Information provided START

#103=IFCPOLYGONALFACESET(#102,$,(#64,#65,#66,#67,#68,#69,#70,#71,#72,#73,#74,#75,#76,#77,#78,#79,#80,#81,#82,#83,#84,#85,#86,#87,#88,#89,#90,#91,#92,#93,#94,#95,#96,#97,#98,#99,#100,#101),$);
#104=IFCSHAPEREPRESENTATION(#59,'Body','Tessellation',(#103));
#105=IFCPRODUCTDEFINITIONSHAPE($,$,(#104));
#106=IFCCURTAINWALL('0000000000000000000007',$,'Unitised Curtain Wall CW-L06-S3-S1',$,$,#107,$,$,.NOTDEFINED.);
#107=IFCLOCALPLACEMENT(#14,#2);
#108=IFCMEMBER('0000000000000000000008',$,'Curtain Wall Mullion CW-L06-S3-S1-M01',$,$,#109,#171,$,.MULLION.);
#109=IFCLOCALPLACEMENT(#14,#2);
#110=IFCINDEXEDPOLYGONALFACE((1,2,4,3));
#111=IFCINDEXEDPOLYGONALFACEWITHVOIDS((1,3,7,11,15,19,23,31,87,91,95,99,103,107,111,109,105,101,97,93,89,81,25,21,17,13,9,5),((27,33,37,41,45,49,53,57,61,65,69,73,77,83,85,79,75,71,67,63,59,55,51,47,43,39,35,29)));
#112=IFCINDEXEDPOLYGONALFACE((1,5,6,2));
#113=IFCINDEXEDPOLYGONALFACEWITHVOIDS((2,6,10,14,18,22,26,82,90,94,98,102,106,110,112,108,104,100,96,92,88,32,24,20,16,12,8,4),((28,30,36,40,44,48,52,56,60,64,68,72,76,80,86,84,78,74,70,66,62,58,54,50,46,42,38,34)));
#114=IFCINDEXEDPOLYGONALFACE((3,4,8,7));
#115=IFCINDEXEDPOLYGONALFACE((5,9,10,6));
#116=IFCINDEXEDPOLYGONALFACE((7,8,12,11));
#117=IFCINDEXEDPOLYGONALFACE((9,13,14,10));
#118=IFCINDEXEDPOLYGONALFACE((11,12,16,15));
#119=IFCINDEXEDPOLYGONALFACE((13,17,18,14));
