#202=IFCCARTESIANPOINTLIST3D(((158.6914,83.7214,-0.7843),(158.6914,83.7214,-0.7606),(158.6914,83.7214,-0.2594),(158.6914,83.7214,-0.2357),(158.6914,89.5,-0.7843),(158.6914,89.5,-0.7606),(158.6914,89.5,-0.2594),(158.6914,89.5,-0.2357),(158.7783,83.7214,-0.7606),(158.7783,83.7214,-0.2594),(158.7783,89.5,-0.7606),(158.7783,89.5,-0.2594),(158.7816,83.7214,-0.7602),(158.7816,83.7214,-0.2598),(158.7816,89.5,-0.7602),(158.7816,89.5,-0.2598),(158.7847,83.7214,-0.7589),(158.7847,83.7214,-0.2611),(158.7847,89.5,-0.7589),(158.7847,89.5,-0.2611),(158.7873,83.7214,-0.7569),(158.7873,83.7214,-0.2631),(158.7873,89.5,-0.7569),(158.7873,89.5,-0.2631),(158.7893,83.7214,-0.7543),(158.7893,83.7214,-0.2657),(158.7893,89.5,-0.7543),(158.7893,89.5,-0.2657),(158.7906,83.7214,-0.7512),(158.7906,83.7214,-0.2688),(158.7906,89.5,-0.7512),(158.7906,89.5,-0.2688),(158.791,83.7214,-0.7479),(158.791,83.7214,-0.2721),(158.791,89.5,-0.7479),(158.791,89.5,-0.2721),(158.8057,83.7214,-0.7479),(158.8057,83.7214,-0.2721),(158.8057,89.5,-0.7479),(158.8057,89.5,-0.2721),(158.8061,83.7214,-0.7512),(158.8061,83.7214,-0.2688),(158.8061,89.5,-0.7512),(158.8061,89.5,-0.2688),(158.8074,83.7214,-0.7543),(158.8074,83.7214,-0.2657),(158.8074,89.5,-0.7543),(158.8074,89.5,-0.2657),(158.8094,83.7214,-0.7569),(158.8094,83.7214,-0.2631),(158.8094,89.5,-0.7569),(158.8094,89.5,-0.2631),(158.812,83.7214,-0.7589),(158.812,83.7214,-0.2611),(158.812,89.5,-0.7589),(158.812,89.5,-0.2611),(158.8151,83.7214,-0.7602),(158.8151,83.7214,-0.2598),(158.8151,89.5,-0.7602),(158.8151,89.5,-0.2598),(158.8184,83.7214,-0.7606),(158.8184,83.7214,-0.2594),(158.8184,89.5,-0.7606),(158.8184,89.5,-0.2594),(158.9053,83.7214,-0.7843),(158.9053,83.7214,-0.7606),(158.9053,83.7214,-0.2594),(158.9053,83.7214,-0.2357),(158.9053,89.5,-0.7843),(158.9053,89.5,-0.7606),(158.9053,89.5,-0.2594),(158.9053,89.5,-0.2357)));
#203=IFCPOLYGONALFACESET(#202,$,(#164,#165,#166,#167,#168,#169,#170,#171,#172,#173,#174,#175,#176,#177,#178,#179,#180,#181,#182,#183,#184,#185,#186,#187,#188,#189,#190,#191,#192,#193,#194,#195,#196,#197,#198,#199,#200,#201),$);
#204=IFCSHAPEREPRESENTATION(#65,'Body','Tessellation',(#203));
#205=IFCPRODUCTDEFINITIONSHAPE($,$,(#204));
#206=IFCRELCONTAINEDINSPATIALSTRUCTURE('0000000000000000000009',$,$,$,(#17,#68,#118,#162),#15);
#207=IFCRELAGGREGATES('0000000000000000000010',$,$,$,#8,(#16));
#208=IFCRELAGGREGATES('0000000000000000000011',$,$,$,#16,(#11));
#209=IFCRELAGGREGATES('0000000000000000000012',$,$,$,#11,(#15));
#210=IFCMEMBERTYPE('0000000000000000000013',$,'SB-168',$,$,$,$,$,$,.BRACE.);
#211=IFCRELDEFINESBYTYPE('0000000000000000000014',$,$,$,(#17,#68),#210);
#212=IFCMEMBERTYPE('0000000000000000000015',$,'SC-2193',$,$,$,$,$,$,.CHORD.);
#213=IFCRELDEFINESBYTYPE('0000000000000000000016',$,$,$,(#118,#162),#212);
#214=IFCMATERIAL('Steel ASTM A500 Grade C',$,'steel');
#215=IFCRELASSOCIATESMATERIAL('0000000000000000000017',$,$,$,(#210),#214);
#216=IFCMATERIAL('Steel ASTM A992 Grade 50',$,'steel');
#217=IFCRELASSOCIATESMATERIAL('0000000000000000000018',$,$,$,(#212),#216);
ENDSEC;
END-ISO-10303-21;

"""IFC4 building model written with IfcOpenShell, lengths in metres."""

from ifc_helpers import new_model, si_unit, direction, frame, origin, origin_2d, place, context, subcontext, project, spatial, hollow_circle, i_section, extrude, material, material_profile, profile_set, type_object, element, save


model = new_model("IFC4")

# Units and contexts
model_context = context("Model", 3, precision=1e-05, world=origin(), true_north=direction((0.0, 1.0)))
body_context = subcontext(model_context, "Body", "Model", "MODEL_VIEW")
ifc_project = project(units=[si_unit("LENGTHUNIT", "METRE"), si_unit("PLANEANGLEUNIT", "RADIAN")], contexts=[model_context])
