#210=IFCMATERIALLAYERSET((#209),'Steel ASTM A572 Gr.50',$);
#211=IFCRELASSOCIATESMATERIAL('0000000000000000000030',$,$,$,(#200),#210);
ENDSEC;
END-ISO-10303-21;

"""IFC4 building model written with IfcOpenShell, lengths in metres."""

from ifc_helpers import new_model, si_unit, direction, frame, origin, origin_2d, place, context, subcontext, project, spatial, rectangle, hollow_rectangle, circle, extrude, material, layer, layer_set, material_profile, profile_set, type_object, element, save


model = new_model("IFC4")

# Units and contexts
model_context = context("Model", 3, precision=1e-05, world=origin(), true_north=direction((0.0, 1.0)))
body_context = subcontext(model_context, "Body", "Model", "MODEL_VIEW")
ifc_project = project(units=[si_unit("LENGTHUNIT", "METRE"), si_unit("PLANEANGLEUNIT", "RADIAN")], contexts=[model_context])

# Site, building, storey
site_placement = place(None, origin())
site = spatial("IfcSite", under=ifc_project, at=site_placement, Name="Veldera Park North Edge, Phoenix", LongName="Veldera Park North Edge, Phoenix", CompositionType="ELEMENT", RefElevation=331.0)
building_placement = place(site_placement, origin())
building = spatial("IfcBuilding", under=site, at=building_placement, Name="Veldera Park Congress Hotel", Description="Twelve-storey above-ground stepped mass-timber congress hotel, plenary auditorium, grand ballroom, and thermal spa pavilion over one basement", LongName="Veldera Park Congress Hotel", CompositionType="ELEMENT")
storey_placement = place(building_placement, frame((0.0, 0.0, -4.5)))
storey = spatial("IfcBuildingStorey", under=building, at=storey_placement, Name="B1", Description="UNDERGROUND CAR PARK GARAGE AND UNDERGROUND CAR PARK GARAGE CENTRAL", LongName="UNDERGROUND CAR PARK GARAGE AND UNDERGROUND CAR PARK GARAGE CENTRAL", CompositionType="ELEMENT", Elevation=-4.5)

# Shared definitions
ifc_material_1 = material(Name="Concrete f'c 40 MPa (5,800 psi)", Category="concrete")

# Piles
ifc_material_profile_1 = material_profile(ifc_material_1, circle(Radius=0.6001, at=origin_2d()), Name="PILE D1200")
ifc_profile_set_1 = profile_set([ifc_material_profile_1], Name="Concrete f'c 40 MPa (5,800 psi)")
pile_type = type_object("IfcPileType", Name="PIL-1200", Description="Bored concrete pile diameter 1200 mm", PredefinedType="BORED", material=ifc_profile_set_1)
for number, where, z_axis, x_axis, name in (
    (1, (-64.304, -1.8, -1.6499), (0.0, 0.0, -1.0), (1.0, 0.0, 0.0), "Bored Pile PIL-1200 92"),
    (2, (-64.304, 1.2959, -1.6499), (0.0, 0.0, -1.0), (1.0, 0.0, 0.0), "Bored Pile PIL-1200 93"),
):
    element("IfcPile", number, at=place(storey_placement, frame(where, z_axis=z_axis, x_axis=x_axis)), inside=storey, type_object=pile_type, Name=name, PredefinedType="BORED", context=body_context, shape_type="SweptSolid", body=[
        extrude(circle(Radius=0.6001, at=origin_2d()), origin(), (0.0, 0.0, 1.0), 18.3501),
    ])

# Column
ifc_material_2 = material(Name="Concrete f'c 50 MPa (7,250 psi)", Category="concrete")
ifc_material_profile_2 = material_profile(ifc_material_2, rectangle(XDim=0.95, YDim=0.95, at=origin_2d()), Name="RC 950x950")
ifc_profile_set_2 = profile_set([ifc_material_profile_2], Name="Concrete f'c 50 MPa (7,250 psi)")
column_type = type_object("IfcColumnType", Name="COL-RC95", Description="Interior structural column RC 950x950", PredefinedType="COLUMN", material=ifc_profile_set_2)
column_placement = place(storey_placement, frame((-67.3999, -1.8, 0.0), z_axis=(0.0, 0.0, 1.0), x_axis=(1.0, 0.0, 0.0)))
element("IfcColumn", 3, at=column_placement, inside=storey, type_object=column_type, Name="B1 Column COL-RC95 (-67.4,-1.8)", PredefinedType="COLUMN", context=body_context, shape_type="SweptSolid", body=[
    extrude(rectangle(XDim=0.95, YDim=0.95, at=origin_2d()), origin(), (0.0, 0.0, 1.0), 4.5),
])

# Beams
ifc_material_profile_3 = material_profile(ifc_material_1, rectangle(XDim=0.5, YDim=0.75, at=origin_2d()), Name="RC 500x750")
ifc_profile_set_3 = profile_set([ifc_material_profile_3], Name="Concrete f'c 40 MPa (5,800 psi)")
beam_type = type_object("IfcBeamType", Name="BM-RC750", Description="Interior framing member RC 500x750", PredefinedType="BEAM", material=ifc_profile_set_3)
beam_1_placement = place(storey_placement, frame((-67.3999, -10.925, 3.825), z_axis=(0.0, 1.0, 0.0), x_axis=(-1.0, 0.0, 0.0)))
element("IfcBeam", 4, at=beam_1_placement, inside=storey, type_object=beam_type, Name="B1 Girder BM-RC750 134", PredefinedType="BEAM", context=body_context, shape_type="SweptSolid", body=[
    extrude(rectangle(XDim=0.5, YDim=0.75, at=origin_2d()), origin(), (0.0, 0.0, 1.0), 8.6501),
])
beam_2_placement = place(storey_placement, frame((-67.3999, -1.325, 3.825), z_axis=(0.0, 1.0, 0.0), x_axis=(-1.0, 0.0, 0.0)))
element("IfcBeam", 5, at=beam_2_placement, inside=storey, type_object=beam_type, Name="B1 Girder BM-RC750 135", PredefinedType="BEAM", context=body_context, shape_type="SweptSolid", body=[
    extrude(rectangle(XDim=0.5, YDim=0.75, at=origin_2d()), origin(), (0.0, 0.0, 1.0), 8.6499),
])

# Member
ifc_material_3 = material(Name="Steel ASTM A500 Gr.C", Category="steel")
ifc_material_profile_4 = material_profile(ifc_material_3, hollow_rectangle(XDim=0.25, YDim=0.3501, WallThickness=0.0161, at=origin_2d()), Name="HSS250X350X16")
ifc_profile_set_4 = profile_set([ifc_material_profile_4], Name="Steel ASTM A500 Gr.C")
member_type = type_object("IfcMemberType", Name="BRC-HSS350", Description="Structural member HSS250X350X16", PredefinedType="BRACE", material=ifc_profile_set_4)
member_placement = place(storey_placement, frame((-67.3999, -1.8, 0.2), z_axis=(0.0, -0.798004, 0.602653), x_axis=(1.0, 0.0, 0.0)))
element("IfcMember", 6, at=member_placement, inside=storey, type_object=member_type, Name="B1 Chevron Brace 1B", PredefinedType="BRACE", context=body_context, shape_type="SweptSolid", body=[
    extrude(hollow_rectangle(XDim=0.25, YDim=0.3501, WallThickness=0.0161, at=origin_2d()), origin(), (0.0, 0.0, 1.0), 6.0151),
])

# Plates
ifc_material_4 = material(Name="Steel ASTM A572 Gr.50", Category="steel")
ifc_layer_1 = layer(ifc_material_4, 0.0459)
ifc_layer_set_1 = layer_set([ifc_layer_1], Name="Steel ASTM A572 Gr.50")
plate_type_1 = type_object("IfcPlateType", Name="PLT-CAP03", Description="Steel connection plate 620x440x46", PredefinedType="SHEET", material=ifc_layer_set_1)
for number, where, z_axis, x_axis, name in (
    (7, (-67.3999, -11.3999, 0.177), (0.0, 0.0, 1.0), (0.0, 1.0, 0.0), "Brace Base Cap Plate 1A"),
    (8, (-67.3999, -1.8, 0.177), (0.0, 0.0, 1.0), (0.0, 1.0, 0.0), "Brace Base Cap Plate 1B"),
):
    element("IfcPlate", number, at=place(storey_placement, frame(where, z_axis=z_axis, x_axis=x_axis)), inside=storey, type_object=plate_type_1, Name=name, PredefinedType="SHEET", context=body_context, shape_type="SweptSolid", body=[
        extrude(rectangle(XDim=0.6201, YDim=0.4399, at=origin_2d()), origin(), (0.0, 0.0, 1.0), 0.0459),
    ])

Information provided END

Exercise description: Print only these lines, please. They run from the start of the entries above to the line containing "#119=IFCINDEXEDPOLYGONALFACE((13,17,18,14));", both ends included, and must match exactly.

Response to this task:
#103=IFCPOLYGONALFACESET(#102,$,(#64,#65,#66,#67,#68,#69,#70,#71,#72,#73,#74,#75,#76,#77,#78,#79,#80,#81,#82,#83,#84,#85,#86,#87,#88,#89,#90,#91,#92,#93,#94,#95,#96,#97,#98,#99,#100,#101),$);
#104=IFCSHAPEREPRESENTATION(#59,'Body','Tessellation',(#103));
#105=IFCPRODUCTDEFINITIONSHAPE($,$,(#104));
#106=IFCCURTAINWALL('0000000000000000000007',$,'Unitised Curtain Wall CW-L06-S3-S1',$,$,#107,$,$,.NOTDEFINED.);
#107=IFCLOCALPLACEMENT(#14,#2);
#108=IFCMEMBER('0000000000000000000008',$,'Curtain Wall Mullion CW-L06-S3-S1-M01',$,$,#109,#171,$,.MULLION.);
#109=IFCLOCALPLACEMENT(#14,#2);
#110=IFCINDEXEDPOLYGONALFACE((1,2,4,3));
#111=IFCINDEXEDPOLYGONALFACEWITHVOIDS((1,3,7,11,15,19,23,31,87,91,95,99,103,107,111,109,105,101,97,93,89,81,25,21,17,13,9,5),((27,33,37,41,45,49,53,57,61,65,69,73,77,83,85,79,75,71,67,63,59,55,51,47,43,39,35,29)));
#112=IFCINDEXEDPOLYGONALFACE((1,5,6,2));
#113=IFCINDEXEDPOLYGONALFACEWITHVOIDS((2,6,10,14,18,22,26,82,90,94,98,102,106,110,112,108,104,100,96,92,88,32,24,20,16,12,8,4),((28,30,36,40,44,48,52,56,60,64,68,72,76,80,86,84,78,74,70,66,62,58,54,50,46,42,38,34)));
#114=IFCINDEXEDPOLYGONALFACE((3,4,8,7));
#115=IFCINDEXEDPOLYGONALFACE((5,9,10,6));
#116=IFCINDEXEDPOLYGONALFACE((7,8,12,11));
#117=IFCINDEXEDPOLYGONALFACE((9,13,14,10));
#118=IFCINDEXEDPOLYGONALFACE((11,12,16,15));
#119=IFCINDEXEDPOLYGONALFACE((13,17,18,14));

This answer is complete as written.